Aim of the exercise:
Restate word for word the lines of the entries below, starting with the line that holds "#13=IFCAXIS2PLACEMENT3D(#12,$,$);" and ending with the line that holds "#24=IFCINDEXEDPOLYGONALFACE((2,6,8,4));", and no others.

Extracted records:

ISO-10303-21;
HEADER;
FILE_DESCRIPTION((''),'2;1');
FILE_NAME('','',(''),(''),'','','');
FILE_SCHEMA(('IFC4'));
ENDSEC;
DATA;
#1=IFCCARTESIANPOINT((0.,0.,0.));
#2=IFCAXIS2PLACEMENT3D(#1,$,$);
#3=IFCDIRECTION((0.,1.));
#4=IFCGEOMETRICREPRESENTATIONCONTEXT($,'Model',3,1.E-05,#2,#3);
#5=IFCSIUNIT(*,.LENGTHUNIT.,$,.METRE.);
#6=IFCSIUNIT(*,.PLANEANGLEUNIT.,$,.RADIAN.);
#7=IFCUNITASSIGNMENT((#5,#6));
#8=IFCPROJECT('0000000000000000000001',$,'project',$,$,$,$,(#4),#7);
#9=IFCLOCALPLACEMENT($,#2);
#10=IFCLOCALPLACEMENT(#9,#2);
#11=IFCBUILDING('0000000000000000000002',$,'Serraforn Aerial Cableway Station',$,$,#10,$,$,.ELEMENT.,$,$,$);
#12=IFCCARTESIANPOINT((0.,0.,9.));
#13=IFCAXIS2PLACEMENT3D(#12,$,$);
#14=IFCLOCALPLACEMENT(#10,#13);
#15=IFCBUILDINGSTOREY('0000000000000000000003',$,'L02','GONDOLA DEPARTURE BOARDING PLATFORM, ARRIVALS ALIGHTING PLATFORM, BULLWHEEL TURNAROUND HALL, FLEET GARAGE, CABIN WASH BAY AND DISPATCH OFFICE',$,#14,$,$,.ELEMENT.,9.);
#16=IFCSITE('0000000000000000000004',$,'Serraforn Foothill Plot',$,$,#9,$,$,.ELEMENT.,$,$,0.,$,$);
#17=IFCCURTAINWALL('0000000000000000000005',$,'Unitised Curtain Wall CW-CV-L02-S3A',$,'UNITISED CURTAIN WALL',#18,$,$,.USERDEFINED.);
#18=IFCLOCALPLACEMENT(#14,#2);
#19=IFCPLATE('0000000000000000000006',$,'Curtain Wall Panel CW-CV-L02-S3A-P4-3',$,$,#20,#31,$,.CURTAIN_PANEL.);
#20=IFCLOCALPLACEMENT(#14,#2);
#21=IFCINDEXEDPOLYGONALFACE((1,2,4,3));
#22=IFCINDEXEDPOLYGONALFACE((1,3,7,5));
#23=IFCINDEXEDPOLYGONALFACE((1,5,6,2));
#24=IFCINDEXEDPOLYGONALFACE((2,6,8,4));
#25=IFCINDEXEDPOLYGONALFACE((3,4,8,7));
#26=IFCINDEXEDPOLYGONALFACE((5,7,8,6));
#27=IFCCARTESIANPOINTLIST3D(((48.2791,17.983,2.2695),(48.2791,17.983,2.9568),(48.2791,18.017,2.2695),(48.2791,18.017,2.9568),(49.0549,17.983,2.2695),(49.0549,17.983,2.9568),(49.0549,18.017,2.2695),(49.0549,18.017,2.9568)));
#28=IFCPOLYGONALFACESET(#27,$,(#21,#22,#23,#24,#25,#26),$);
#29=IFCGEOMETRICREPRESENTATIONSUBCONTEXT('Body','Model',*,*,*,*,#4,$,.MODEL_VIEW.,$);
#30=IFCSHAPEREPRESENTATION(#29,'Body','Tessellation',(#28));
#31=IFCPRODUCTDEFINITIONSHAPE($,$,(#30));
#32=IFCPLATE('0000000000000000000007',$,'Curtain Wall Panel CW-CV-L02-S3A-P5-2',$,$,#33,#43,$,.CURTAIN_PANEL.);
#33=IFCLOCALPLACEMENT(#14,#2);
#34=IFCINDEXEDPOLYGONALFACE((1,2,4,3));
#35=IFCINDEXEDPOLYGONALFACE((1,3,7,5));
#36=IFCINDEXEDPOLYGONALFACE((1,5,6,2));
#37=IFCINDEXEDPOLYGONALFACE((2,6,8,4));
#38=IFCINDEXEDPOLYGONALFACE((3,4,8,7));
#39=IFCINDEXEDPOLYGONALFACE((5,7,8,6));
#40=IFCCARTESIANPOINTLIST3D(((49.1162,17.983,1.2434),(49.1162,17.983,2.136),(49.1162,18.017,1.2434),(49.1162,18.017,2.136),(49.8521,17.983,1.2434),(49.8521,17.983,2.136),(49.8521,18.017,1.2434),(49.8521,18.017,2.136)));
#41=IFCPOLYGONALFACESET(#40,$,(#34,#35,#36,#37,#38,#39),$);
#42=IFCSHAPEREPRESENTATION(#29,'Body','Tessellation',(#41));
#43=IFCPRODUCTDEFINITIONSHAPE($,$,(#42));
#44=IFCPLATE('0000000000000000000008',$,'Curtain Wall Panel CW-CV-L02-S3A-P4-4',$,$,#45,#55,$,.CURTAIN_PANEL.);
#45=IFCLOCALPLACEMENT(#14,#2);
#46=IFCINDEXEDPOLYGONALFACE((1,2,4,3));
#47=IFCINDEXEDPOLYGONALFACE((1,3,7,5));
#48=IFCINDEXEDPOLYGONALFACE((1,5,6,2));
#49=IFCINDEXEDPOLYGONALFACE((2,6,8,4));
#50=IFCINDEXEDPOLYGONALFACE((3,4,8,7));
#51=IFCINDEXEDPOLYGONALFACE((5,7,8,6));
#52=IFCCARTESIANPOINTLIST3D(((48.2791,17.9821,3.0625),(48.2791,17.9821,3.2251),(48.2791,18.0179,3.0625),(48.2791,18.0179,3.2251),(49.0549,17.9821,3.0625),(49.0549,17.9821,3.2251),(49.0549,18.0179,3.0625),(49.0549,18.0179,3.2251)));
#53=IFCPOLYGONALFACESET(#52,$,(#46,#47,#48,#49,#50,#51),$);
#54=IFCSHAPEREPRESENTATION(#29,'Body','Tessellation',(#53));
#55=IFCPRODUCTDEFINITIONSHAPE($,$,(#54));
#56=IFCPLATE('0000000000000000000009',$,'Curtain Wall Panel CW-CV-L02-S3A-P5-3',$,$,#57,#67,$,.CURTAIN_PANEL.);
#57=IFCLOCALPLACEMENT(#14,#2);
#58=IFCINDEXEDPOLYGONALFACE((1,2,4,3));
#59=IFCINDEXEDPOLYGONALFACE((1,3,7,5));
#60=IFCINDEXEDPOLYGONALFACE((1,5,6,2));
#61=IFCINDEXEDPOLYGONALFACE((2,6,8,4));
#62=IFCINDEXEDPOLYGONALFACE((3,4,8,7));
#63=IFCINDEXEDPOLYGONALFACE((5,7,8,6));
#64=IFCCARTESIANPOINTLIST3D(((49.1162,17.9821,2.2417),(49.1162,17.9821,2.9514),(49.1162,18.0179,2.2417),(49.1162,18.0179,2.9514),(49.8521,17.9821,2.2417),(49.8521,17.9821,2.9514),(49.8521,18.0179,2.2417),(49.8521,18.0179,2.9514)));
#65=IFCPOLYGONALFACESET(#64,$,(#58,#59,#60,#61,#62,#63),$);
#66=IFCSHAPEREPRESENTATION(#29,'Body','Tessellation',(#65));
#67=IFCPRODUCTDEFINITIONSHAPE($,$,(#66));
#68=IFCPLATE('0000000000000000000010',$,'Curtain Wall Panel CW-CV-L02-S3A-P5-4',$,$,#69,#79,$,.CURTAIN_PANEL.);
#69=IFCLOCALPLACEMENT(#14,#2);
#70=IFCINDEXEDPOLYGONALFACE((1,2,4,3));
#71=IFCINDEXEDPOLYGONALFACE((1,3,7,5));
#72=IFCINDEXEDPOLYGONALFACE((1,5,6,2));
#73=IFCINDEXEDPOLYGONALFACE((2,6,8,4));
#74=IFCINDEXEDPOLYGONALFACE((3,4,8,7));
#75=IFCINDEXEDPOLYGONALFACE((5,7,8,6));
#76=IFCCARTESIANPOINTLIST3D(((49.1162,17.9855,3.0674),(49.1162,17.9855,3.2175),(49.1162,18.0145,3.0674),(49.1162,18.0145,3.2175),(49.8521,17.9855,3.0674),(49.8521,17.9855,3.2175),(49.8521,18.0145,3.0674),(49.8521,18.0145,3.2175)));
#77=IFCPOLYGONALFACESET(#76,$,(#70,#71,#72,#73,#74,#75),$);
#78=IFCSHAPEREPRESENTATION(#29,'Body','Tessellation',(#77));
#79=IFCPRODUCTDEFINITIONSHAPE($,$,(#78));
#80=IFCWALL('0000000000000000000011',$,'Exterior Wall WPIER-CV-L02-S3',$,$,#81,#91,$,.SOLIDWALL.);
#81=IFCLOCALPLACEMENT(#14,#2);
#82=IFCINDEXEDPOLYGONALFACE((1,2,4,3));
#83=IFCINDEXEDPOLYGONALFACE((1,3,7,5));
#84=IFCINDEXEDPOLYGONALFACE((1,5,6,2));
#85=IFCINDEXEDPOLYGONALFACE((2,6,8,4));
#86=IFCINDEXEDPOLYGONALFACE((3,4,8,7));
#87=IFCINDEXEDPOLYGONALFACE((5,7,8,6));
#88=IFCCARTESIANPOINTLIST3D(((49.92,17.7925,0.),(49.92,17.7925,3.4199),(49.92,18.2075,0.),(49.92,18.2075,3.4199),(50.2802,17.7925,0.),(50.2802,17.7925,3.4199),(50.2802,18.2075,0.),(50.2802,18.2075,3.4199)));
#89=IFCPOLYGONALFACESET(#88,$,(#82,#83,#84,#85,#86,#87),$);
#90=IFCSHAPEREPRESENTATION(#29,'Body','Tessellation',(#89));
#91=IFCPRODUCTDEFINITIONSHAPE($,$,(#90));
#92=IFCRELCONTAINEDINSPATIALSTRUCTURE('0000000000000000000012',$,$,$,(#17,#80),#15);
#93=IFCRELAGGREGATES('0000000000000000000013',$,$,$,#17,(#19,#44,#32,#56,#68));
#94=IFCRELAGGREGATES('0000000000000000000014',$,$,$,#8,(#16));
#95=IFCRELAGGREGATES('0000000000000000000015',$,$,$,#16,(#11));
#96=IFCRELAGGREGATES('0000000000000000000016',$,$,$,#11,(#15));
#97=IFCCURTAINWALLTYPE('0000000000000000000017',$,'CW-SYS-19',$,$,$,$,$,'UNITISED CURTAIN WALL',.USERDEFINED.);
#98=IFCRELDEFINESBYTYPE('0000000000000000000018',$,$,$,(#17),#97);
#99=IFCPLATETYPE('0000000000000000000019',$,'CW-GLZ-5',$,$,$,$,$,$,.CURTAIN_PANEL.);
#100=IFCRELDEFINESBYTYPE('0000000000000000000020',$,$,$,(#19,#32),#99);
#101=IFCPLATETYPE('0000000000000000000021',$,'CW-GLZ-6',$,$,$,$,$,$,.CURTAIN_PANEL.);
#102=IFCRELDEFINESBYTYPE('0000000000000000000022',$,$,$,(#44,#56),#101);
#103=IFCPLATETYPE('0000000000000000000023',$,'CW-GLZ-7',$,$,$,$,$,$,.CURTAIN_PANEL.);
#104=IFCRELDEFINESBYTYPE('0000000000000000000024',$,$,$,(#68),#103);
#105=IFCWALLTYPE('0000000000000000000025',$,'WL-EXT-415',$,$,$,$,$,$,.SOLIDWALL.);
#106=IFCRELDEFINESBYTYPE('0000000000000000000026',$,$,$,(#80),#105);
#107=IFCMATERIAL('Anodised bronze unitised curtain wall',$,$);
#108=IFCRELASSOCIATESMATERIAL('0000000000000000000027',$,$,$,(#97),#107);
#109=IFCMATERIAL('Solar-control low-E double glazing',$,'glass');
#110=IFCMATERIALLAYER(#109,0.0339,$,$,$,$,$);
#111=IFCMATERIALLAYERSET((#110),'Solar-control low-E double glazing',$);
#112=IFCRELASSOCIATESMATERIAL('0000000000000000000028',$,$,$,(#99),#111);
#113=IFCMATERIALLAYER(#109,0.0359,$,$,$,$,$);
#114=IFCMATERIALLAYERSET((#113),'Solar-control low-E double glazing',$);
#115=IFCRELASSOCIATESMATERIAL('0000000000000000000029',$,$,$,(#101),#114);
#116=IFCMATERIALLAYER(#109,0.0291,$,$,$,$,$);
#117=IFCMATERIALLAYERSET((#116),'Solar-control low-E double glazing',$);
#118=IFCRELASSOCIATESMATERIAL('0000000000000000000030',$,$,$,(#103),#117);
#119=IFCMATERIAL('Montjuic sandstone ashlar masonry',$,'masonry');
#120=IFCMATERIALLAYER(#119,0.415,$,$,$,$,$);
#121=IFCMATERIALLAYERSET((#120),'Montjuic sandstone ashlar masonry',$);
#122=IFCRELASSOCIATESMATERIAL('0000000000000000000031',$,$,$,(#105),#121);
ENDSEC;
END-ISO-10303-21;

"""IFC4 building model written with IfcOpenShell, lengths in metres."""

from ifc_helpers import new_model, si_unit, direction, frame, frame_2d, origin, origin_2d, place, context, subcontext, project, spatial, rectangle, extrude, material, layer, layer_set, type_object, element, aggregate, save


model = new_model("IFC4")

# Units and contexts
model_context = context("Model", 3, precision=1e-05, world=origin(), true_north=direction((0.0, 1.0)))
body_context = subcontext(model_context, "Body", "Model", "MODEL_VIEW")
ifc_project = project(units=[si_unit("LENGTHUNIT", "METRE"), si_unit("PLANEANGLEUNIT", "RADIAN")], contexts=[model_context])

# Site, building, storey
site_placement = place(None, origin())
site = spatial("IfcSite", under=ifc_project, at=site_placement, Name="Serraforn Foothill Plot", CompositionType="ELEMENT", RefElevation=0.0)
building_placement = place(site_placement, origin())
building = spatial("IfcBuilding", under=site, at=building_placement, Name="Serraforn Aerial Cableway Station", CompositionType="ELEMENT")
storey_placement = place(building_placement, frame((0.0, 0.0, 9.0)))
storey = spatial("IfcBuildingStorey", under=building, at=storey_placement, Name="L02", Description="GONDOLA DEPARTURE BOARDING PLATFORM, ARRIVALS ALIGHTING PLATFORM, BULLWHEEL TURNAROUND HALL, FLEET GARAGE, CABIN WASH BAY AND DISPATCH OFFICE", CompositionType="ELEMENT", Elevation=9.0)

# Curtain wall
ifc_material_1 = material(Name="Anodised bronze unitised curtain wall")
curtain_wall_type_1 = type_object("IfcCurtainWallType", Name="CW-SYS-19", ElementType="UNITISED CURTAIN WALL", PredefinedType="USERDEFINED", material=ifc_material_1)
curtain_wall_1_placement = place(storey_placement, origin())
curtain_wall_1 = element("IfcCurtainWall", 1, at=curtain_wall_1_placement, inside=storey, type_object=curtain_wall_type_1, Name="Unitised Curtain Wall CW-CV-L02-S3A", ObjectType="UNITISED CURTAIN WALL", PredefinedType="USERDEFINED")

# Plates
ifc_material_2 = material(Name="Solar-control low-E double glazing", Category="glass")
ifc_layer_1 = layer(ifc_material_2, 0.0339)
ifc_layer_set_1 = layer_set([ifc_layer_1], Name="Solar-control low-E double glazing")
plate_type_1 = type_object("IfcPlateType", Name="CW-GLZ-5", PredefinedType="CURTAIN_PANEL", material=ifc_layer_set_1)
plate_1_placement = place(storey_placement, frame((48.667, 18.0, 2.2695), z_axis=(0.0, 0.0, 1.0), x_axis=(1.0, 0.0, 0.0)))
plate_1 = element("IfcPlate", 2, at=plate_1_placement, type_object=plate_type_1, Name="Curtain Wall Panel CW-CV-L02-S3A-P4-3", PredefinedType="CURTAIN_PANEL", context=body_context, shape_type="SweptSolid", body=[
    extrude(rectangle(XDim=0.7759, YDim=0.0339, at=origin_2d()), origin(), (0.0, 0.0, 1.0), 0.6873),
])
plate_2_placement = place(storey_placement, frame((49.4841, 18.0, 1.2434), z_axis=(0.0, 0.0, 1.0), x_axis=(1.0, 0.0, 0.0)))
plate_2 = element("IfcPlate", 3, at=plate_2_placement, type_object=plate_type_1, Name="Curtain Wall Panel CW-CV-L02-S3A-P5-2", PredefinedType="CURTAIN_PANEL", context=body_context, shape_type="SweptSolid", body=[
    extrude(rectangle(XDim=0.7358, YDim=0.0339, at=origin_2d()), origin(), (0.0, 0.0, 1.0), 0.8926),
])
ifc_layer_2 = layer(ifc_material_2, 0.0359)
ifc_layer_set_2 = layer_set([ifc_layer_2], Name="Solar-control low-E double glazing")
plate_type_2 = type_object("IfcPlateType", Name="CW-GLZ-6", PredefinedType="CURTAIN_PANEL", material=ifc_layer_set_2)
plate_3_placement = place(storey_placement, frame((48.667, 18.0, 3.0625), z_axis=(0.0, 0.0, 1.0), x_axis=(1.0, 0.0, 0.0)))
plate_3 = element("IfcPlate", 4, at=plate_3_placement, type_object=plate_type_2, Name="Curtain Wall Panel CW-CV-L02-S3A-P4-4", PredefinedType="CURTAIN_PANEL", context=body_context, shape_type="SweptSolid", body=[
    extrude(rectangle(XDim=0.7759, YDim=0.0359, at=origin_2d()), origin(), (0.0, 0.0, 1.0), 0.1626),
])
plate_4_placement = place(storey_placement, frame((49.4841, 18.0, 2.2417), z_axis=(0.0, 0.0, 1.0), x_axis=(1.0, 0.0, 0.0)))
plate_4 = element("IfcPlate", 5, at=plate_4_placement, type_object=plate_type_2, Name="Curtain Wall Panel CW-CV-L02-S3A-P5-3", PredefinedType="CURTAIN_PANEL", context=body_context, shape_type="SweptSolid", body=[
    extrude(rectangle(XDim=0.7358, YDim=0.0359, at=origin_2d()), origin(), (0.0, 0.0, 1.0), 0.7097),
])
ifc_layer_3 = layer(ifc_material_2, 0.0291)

Exercise output:
#13=IFCAXIS2PLACEMENT3D(#12,$,$);
#14=IFCLOCALPLACEMENT(#10,#13);
#15=IFCBUILDINGSTOREY('0000000000000000000003',$,'L02','GONDOLA DEPARTURE BOARDING PLATFORM, ARRIVALS ALIGHTING PLATFORM, BULLWHEEL TURNAROUND HALL, FLEET GARAGE, CABIN WASH BAY AND DISPATCH OFFICE',$,#14,$,$,.ELEMENT.,9.);
#16=IFCSITE('0000000000000000000004',$,'Serraforn Foothill Plot',$,$,#9,$,$,.ELEMENT.,$,$,0.,$,$);
#17=IFCCURTAINWALL('0000000000000000000005',$,'Unitised Curtain Wall CW-CV-L02-S3A',$,'UNITISED CURTAIN WALL',#18,$,$,.USERDEFINED.);
#18=IFCLOCALPLACEMENT(#14,#2);
#19=IFCPLATE('0000000000000000000006',$,'Curtain Wall Panel CW-CV-L02-S3A-P4-3',$,$,#20,#31,$,.CURTAIN_PANEL.);
#20=IFCLOCALPLACEMENT(#14,#2);
#21=IFCINDEXEDPOLYGONALFACE((1,2,4,3));
#22=IFCINDEXEDPOLYGONALFACE((1,3,7,5));
#23=IFCINDEXEDPOLYGONALFACE((1,5,6,2));
#24=IFCINDEXEDPOLYGONALFACE((2,6,8,4));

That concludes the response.